**The problem**: Below are some records; each one is to be set down again exactly.

[Data records]
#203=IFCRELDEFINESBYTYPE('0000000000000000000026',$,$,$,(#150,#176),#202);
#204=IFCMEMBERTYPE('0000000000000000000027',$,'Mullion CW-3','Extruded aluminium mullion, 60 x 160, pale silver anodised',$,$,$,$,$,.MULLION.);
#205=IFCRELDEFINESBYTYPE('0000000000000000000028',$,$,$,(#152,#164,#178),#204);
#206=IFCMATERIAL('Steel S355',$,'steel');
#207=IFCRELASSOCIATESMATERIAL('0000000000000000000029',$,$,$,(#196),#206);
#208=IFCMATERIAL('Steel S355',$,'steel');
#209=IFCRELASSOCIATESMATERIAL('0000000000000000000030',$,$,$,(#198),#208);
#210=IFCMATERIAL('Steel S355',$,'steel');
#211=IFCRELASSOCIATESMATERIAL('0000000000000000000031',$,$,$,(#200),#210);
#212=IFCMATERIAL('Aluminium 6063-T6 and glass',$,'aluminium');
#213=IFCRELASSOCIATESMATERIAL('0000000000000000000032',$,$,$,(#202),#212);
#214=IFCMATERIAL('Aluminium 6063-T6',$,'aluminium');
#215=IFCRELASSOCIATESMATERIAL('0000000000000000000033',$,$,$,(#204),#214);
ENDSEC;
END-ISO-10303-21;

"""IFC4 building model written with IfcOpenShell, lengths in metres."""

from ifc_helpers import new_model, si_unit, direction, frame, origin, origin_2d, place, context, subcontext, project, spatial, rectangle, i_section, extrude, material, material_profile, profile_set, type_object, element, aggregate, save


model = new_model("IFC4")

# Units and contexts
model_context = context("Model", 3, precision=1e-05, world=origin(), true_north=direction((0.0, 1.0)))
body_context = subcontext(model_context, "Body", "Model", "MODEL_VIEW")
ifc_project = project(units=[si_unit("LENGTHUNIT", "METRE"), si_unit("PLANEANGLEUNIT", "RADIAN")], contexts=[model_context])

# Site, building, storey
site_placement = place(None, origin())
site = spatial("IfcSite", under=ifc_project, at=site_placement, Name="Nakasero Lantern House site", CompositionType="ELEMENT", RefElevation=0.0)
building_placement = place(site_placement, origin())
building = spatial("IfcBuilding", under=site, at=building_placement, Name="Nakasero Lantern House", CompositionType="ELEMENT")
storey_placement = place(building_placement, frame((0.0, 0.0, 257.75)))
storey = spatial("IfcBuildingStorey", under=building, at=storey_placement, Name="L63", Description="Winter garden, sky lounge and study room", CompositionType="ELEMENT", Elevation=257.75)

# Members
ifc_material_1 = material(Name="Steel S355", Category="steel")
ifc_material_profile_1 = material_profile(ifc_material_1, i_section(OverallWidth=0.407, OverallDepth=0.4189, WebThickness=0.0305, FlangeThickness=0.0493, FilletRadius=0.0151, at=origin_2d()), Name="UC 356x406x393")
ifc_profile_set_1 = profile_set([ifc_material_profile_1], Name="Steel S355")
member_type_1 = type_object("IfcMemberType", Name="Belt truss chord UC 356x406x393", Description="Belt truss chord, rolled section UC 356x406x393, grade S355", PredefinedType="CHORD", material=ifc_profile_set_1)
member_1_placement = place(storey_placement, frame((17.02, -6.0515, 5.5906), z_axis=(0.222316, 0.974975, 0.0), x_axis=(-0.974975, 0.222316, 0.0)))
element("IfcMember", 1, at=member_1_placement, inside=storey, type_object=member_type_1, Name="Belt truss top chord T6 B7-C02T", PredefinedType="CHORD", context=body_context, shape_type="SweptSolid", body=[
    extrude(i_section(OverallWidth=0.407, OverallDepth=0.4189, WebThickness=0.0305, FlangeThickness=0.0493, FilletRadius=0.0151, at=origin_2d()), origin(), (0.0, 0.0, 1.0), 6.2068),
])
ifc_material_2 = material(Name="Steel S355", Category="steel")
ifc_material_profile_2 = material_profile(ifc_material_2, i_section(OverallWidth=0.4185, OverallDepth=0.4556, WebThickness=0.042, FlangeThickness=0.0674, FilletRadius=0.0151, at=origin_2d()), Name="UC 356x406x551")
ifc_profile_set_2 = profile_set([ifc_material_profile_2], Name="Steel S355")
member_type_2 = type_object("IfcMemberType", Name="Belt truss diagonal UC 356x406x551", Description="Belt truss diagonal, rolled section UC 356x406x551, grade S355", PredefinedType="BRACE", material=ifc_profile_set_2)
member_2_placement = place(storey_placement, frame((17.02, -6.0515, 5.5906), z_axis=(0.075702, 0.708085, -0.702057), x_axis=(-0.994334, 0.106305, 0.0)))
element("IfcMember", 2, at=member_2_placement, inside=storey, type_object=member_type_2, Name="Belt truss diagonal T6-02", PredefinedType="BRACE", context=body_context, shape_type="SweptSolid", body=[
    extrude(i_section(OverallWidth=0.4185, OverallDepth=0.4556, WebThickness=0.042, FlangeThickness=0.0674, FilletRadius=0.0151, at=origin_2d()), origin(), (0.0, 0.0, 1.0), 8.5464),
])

**Task output**:
#203=IFCRELDEFINESBYTYPE('0000000000000000000026',$,$,$,(#150,#176),#202);
#204=IFCMEMBERTYPE('0000000000000000000027',$,'Mullion CW-3','Extruded aluminium mullion, 60 x 160, pale silver anodised',$,$,$,$,$,.MULLION.);
#205=IFCRELDEFINESBYTYPE('0000000000000000000028',$,$,$,(#152,#164,#178),#204);
#206=IFCMATERIAL('Steel S355',$,'steel');
#207=IFCRELASSOCIATESMATERIAL('0000000000000000000029',$,$,$,(#196),#206);
#208=IFCMATERIAL('Steel S355',$,'steel');
#209=IFCRELASSOCIATESMATERIAL('0000000000000000000030',$,$,$,(#198),#208);
#210=IFCMATERIAL('Steel S355',$,'steel');
#211=IFCRELASSOCIATESMATERIAL('0000000000000000000031',$,$,$,(#200),#210);
#212=IFCMATERIAL('Aluminium 6063-T6 and glass',$,'aluminium');
#213=IFCRELASSOCIATESMATERIAL('0000000000000000000032',$,$,$,(#202),#212);
#214=IFCMATERIAL('Aluminium 6063-T6',$,'aluminium');
#215=IFCRELASSOCIATESMATERIAL('0000000000000000000033',$,$,$,(#204),#214);
ENDSEC;
END-ISO-10303-21;

"""IFC4 building model written with IfcOpenShell, lengths in metres."""

from ifc_helpers import new_model, si_unit, direction, frame, origin, origin_2d, place, context, subcontext, project, spatial, rectangle, i_section, extrude, material, material_profile, profile_set, type_object, element, aggregate, save


model = new_model("IFC4")

# Units and contexts
model_context = context("Model", 3, precision=1e-05, world=origin(), true_north=direction((0.0, 1.0)))
body_context = subcontext(model_context, "Body", "Model", "MODEL_VIEW")
ifc_project = project(units=[si_unit("LENGTHUNIT", "METRE"), si_unit("PLANEANGLEUNIT", "RADIAN")], contexts=[model_context])

# Site, building, storey
site_placement = place(None, origin())
site = spatial("IfcSite", under=ifc_project, at=site_placement, Name="Nakasero Lantern House site", CompositionType="ELEMENT", RefElevation=0.0)
building_placement = place(site_placement, origin())
building = spatial("IfcBuilding", under=site, at=building_placement, Name="Nakasero Lantern House", CompositionType="ELEMENT")
storey_placement = place(building_placement, frame((0.0, 0.0, 257.75)))
storey = spatial("IfcBuildingStorey", under=building, at=storey_placement, Name="L63", Description="Winter garden, sky lounge and study room", CompositionType="ELEMENT", Elevation=257.75)

# Members
ifc_material_1 = material(Name="Steel S355", Category="steel")
ifc_material_profile_1 = material_profile(ifc_material_1, i_section(OverallWidth=0.407, OverallDepth=0.4189, WebThickness=0.0305, FlangeThickness=0.0493, FilletRadius=0.0151, at=origin_2d()), Name="UC 356x406x393")
ifc_profile_set_1 = profile_set([ifc_material_profile_1], Name="Steel S355")
member_type_1 = type_object("IfcMemberType", Name="Belt truss chord UC 356x406x393", Description="Belt truss chord, rolled section UC 356x406x393, grade S355", PredefinedType="CHORD", material=ifc_profile_set_1)
member_1_placement = place(storey_placement, frame((17.02, -6.0515, 5.5906), z_axis=(0.222316, 0.974975, 0.0), x_axis=(-0.974975, 0.222316, 0.0)))
element("IfcMember", 1, at=member_1_placement, inside=storey, type_object=member_type_1, Name="Belt truss top chord T6 B7-C02T", PredefinedType="CHORD", context=body_context, shape_type="SweptSolid", body=[
    extrude(i_section(OverallWidth=0.407, OverallDepth=0.4189, WebThickness=0.0305, FlangeThickness=0.0493, FilletRadius=0.0151, at=origin_2d()), origin(), (0.0, 0.0, 1.0), 6.2068),
])
ifc_material_2 = material(Name="Steel S355", Category="steel")
ifc_material_profile_2 = material_profile(ifc_material_2, i_section(OverallWidth=0.4185, OverallDepth=0.4556, WebThickness=0.042, FlangeThickness=0.0674, FilletRadius=0.0151, at=origin_2d()), Name="UC 356x406x551")
ifc_profile_set_2 = profile_set([ifc_material_profile_2], Name="Steel S355")
member_type_2 = type_object("IfcMemberType", Name="Belt truss diagonal UC 356x406x551", Description="Belt truss diagonal, rolled section UC 356x406x551, grade S355", PredefinedType="BRACE", material=ifc_profile_set_2)
member_2_placement = place(storey_placement, frame((17.02, -6.0515, 5.5906), z_axis=(0.075702, 0.708085, -0.702057), x_axis=(-0.994334, 0.106305, 0.0)))
element("IfcMember", 2, at=member_2_placement, inside=storey, type_object=member_type_2, Name="Belt truss diagonal T6-02", PredefinedType="BRACE", context=body_context, shape_type="SweptSolid", body=[
    extrude(i_section(OverallWidth=0.4185, OverallDepth=0.4556, WebThickness=0.042, FlangeThickness=0.0674, FilletRadius=0.0151, at=origin_2d()), origin(), (0.0, 0.0, 1.0), 8.5464),
])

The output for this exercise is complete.